## Dataset entries
*** Begin section ***

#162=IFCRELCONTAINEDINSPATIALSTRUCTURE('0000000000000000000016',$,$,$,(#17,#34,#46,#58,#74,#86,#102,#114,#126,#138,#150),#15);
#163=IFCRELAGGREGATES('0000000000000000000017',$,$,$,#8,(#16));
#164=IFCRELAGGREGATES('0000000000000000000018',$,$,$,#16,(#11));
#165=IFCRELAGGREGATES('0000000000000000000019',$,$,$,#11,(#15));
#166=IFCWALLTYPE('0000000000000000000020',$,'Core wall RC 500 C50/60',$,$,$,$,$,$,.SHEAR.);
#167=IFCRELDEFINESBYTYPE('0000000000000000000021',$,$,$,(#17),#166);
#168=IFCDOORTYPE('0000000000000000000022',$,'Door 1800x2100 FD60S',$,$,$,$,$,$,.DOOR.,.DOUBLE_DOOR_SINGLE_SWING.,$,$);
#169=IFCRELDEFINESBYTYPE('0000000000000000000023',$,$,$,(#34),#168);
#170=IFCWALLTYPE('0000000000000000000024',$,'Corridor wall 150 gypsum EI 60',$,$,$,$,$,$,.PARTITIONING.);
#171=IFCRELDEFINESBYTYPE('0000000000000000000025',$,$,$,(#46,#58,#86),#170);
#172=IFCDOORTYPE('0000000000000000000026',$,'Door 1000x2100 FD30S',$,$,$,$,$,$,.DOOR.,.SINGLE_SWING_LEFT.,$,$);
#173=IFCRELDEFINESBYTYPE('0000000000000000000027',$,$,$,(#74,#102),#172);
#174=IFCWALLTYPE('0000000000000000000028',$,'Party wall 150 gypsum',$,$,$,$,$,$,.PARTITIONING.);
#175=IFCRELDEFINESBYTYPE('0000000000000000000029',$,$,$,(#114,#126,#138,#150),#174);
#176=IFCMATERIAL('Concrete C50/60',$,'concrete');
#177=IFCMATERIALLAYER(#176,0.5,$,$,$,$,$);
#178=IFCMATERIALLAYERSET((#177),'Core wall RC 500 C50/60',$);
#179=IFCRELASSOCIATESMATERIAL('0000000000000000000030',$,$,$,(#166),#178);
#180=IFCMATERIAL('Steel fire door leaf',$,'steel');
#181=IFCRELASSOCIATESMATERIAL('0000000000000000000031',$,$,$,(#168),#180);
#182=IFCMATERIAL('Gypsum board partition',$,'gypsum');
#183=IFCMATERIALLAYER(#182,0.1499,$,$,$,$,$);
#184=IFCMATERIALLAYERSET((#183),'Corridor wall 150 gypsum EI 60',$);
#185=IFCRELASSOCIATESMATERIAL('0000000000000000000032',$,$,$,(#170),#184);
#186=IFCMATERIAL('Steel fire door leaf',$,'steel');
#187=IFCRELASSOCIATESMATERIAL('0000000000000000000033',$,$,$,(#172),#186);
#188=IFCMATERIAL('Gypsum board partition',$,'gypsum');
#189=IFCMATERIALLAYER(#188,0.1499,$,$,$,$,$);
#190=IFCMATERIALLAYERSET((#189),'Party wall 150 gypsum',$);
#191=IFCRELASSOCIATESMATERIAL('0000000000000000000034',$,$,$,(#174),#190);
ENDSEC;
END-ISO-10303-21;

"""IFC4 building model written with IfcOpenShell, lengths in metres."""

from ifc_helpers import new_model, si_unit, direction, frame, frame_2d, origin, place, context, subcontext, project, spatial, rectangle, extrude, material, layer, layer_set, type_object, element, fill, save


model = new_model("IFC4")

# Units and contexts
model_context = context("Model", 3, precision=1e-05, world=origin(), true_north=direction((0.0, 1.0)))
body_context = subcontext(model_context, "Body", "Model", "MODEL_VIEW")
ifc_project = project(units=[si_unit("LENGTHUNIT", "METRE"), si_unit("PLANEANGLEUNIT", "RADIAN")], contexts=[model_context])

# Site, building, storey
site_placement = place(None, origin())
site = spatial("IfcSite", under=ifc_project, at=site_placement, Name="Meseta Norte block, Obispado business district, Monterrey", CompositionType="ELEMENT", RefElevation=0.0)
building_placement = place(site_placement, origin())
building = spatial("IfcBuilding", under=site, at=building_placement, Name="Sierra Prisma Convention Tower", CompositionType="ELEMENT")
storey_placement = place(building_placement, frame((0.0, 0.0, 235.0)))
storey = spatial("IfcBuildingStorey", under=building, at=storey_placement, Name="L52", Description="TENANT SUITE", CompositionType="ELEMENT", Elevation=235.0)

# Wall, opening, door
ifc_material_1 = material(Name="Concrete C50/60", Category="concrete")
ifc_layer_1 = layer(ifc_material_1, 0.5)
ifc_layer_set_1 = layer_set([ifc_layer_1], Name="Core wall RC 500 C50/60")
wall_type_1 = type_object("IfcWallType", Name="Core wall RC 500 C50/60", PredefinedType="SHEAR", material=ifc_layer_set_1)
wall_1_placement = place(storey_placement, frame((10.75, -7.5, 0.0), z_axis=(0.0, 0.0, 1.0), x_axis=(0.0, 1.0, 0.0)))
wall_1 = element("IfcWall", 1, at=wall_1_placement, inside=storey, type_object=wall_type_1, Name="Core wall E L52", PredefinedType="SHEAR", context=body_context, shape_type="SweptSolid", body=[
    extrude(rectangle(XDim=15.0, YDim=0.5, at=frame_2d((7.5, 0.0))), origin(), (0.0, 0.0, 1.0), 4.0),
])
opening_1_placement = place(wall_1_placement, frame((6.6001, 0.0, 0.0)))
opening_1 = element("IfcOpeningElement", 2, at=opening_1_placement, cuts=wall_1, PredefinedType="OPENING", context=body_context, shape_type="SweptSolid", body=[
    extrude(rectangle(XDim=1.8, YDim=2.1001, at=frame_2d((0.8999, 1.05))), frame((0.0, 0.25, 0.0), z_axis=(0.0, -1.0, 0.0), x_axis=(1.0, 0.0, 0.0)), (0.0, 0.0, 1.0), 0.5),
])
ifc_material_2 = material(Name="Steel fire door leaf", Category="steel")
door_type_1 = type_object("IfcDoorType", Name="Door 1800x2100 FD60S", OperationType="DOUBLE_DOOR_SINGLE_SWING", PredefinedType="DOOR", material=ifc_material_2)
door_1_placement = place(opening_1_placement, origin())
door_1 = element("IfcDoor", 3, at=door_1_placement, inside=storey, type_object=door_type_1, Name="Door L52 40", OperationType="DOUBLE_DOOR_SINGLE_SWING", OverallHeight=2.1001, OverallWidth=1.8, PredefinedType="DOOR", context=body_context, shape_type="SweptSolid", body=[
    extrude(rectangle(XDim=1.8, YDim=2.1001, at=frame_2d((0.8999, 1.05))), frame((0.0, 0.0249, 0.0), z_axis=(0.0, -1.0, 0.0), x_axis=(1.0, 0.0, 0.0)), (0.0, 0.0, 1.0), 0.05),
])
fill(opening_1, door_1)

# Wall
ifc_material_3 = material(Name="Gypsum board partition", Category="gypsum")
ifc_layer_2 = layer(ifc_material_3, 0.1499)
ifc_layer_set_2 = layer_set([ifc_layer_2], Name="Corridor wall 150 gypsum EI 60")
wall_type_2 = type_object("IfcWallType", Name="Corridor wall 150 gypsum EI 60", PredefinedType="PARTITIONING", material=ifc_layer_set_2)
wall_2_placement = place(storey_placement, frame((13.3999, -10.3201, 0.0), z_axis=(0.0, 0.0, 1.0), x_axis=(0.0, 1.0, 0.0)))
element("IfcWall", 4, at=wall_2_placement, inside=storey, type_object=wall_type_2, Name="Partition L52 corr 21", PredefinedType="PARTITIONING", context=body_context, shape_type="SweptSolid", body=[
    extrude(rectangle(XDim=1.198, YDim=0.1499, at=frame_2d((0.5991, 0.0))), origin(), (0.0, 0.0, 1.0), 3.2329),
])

*** End section ***

## INSTRUCTIONS TO FOLLOW
Your answer should be one number, the count of lines above that hold "gypsum".

## FINISHED EXERCISE
9